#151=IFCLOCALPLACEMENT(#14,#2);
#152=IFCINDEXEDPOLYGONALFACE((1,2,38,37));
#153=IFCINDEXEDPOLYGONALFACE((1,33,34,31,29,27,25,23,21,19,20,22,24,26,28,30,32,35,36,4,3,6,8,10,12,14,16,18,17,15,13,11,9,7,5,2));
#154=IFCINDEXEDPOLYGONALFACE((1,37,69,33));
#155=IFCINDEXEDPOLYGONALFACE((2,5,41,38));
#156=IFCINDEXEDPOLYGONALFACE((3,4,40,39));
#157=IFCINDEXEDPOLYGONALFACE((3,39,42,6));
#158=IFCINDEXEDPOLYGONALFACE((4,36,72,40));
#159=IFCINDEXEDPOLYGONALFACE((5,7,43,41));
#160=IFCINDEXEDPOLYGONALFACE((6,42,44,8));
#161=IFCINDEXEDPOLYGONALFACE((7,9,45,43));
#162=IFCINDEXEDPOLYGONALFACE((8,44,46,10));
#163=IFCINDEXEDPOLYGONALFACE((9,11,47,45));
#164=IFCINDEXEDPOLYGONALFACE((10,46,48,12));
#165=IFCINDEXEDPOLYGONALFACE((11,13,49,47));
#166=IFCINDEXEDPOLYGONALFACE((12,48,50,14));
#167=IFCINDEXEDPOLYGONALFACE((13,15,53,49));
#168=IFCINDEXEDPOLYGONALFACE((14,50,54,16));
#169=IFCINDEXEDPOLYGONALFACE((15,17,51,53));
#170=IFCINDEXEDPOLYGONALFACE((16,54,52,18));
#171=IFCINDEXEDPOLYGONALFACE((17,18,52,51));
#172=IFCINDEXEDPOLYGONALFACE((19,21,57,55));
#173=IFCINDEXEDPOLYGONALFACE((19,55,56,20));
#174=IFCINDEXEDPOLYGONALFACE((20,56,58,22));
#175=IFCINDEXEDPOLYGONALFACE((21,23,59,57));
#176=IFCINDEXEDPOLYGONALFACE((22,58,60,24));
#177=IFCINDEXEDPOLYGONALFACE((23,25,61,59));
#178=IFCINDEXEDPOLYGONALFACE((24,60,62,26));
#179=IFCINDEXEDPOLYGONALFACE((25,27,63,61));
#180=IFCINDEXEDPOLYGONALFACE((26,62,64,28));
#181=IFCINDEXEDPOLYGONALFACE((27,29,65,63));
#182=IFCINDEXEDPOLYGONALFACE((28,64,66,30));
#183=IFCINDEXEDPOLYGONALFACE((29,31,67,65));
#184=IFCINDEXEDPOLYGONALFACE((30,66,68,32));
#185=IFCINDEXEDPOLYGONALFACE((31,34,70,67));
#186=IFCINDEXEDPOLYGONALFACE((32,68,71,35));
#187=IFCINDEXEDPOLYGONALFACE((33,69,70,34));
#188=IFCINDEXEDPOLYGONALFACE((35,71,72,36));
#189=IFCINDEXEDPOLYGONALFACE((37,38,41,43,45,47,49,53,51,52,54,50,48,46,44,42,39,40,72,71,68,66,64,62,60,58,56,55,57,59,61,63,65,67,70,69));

-----

Task to carry out: All of the entries above must be quoted exactly.

Task solution:
#151=IFCLOCALPLACEMENT(#14,#2);
#152=IFCINDEXEDPOLYGONALFACE((1,2,38,37));
#153=IFCINDEXEDPOLYGONALFACE((1,33,34,31,29,27,25,23,21,19,20,22,24,26,28,30,32,35,36,4,3,6,8,10,12,14,16,18,17,15,13,11,9,7,5,2));
#154=IFCINDEXEDPOLYGONALFACE((1,37,69,33));
#155=IFCINDEXEDPOLYGONALFACE((2,5,41,38));
#156=IFCINDEXEDPOLYGONALFACE((3,4,40,39));
#157=IFCINDEXEDPOLYGONALFACE((3,39,42,6));
#158=IFCINDEXEDPOLYGONALFACE((4,36,72,40));
#159=IFCINDEXEDPOLYGONALFACE((5,7,43,41));
#160=IFCINDEXEDPOLYGONALFACE((6,42,44,8));
#161=IFCINDEXEDPOLYGONALFACE((7,9,45,43));
#162=IFCINDEXEDPOLYGONALFACE((8,44,46,10));
#163=IFCINDEXEDPOLYGONALFACE((9,11,47,45));
#164=IFCINDEXEDPOLYGONALFACE((10,46,48,12));
#165=IFCINDEXEDPOLYGONALFACE((11,13,49,47));
#166=IFCINDEXEDPOLYGONALFACE((12,48,50,14));
#167=IFCINDEXEDPOLYGONALFACE((13,15,53,49));
#168=IFCINDEXEDPOLYGONALFACE((14,50,54,16));
#169=IFCINDEXEDPOLYGONALFACE((15,17,51,53));
#170=IFCINDEXEDPOLYGONALFACE((16,54,52,18));
#171=IFCINDEXEDPOLYGONALFACE((17,18,52,51));
#172=IFCINDEXEDPOLYGONALFACE((19,21,57,55));
#173=IFCINDEXEDPOLYGONALFACE((19,55,56,20));
#174=IFCINDEXEDPOLYGONALFACE((20,56,58,22));
#175=IFCINDEXEDPOLYGONALFACE((21,23,59,57));
#176=IFCINDEXEDPOLYGONALFACE((22,58,60,24));
#177=IFCINDEXEDPOLYGONALFACE((23,25,61,59));
#178=IFCINDEXEDPOLYGONALFACE((24,60,62,26));
#179=IFCINDEXEDPOLYGONALFACE((25,27,63,61));
#180=IFCINDEXEDPOLYGONALFACE((26,62,64,28));
#181=IFCINDEXEDPOLYGONALFACE((27,29,65,63));
#182=IFCINDEXEDPOLYGONALFACE((28,64,66,30));
#183=IFCINDEXEDPOLYGONALFACE((29,31,67,65));
#184=IFCINDEXEDPOLYGONALFACE((30,66,68,32));
#185=IFCINDEXEDPOLYGONALFACE((31,34,70,67));
#186=IFCINDEXEDPOLYGONALFACE((32,68,71,35));
#187=IFCINDEXEDPOLYGONALFACE((33,69,70,34));
#188=IFCINDEXEDPOLYGONALFACE((35,71,72,36));
#189=IFCINDEXEDPOLYGONALFACE((37,38,41,43,45,47,49,53,51,52,54,50,48,46,44,42,39,40,72,71,68,66,64,62,60,58,56,55,57,59,61,63,65,67,70,69));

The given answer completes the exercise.